What to do: Which lines in the data below contain the string "contexts"? Show each one.

Data supplied:
= Beginning of Section =
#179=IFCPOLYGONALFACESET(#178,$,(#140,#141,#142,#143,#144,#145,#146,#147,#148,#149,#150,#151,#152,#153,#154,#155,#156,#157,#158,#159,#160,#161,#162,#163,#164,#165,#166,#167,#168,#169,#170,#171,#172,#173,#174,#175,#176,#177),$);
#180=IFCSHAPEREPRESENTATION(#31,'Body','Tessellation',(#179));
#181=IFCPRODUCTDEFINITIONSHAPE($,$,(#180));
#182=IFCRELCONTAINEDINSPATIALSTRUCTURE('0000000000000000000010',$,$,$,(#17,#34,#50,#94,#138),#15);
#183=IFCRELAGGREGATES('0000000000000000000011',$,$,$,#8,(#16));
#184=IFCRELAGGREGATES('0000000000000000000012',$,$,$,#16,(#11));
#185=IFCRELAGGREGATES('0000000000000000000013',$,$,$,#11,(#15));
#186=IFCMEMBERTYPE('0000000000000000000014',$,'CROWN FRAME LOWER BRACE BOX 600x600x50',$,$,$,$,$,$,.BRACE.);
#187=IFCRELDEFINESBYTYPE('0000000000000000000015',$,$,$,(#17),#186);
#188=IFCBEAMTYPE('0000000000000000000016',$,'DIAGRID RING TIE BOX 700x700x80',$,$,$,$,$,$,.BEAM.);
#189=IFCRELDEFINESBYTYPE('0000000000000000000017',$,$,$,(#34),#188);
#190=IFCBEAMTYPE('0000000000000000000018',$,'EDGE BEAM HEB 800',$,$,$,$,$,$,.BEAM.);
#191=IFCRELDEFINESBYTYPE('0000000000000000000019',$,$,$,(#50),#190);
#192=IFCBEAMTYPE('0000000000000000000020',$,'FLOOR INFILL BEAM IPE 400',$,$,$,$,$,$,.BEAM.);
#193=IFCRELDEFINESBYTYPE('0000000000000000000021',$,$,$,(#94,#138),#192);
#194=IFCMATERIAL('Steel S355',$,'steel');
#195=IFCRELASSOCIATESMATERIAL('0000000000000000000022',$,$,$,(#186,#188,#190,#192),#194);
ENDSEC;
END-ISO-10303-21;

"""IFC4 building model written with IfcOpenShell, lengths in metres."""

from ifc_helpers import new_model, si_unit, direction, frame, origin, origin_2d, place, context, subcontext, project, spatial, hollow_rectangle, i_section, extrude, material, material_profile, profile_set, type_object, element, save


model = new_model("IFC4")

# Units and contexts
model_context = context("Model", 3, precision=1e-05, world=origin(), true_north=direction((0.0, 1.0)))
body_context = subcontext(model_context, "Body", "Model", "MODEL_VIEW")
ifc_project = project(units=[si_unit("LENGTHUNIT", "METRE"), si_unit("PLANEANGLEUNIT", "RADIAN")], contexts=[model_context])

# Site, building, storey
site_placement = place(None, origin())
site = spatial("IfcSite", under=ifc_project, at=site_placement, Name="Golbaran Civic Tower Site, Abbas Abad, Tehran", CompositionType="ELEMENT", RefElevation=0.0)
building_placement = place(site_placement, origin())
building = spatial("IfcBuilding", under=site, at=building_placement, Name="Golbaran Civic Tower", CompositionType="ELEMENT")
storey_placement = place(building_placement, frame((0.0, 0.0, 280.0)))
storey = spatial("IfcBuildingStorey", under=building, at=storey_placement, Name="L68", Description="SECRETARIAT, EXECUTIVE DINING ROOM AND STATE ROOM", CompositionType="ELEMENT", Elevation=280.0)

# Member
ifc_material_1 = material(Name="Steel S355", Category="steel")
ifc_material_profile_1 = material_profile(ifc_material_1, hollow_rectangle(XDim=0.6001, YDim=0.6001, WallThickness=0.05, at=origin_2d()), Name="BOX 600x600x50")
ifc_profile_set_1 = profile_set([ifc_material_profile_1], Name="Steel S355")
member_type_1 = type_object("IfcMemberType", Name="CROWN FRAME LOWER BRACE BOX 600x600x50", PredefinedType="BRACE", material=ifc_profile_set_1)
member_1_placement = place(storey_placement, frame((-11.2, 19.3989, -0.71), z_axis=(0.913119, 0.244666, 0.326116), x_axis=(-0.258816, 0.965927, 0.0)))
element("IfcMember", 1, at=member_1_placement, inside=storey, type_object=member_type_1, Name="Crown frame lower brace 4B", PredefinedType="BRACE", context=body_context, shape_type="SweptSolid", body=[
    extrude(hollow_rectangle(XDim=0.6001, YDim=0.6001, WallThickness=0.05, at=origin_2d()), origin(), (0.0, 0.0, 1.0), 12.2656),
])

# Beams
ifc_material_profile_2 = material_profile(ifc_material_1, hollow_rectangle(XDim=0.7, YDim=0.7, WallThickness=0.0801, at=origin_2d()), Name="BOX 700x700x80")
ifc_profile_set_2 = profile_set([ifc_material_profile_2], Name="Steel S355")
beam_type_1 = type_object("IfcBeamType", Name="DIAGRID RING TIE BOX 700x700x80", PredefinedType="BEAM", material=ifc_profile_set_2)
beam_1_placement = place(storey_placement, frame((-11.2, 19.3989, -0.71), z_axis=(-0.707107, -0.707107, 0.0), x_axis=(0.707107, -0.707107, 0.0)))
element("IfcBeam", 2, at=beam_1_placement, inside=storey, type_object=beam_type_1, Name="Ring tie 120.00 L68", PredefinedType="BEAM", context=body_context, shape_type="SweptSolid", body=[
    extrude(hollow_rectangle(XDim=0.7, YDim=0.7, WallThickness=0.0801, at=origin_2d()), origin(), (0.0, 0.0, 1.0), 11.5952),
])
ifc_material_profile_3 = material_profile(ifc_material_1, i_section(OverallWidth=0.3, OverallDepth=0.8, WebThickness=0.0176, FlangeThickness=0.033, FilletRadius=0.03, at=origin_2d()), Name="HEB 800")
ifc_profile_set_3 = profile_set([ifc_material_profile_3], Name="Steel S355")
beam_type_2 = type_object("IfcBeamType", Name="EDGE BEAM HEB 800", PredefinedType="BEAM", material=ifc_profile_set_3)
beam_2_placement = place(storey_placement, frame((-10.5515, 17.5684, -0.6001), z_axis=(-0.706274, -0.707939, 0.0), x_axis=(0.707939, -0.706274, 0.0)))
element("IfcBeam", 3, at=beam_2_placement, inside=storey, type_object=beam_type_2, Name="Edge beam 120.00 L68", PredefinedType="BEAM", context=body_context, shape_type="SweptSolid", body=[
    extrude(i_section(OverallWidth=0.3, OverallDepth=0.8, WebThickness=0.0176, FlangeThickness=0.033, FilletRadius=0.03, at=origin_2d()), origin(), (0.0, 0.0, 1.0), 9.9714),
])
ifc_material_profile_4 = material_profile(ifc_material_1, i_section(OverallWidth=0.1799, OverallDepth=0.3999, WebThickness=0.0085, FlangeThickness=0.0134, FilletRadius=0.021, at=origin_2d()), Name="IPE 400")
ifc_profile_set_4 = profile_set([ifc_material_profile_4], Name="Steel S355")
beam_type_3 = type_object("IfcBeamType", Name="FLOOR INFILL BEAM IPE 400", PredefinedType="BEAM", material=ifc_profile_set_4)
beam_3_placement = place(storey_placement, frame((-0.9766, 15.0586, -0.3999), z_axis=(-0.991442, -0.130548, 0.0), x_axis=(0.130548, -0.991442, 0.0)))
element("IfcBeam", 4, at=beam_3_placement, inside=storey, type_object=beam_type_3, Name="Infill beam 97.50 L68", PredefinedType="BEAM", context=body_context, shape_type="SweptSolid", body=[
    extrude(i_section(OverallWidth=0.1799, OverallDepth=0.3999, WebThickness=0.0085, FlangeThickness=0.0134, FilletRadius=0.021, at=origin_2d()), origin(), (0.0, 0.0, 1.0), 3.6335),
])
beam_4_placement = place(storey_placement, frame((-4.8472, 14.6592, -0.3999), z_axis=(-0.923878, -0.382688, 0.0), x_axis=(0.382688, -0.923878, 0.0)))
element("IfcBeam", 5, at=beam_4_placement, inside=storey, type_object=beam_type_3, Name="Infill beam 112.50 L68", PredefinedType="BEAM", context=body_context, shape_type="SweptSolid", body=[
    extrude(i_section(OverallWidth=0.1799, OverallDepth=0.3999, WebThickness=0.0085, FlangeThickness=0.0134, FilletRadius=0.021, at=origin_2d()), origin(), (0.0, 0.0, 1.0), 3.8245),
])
= End of Section =
Solution to this exercise:
# Units and contexts
ifc_project = project(units=[si_unit("LENGTHUNIT", "METRE"), si_unit("PLANEANGLEUNIT", "RADIAN")], contexts=[model_context])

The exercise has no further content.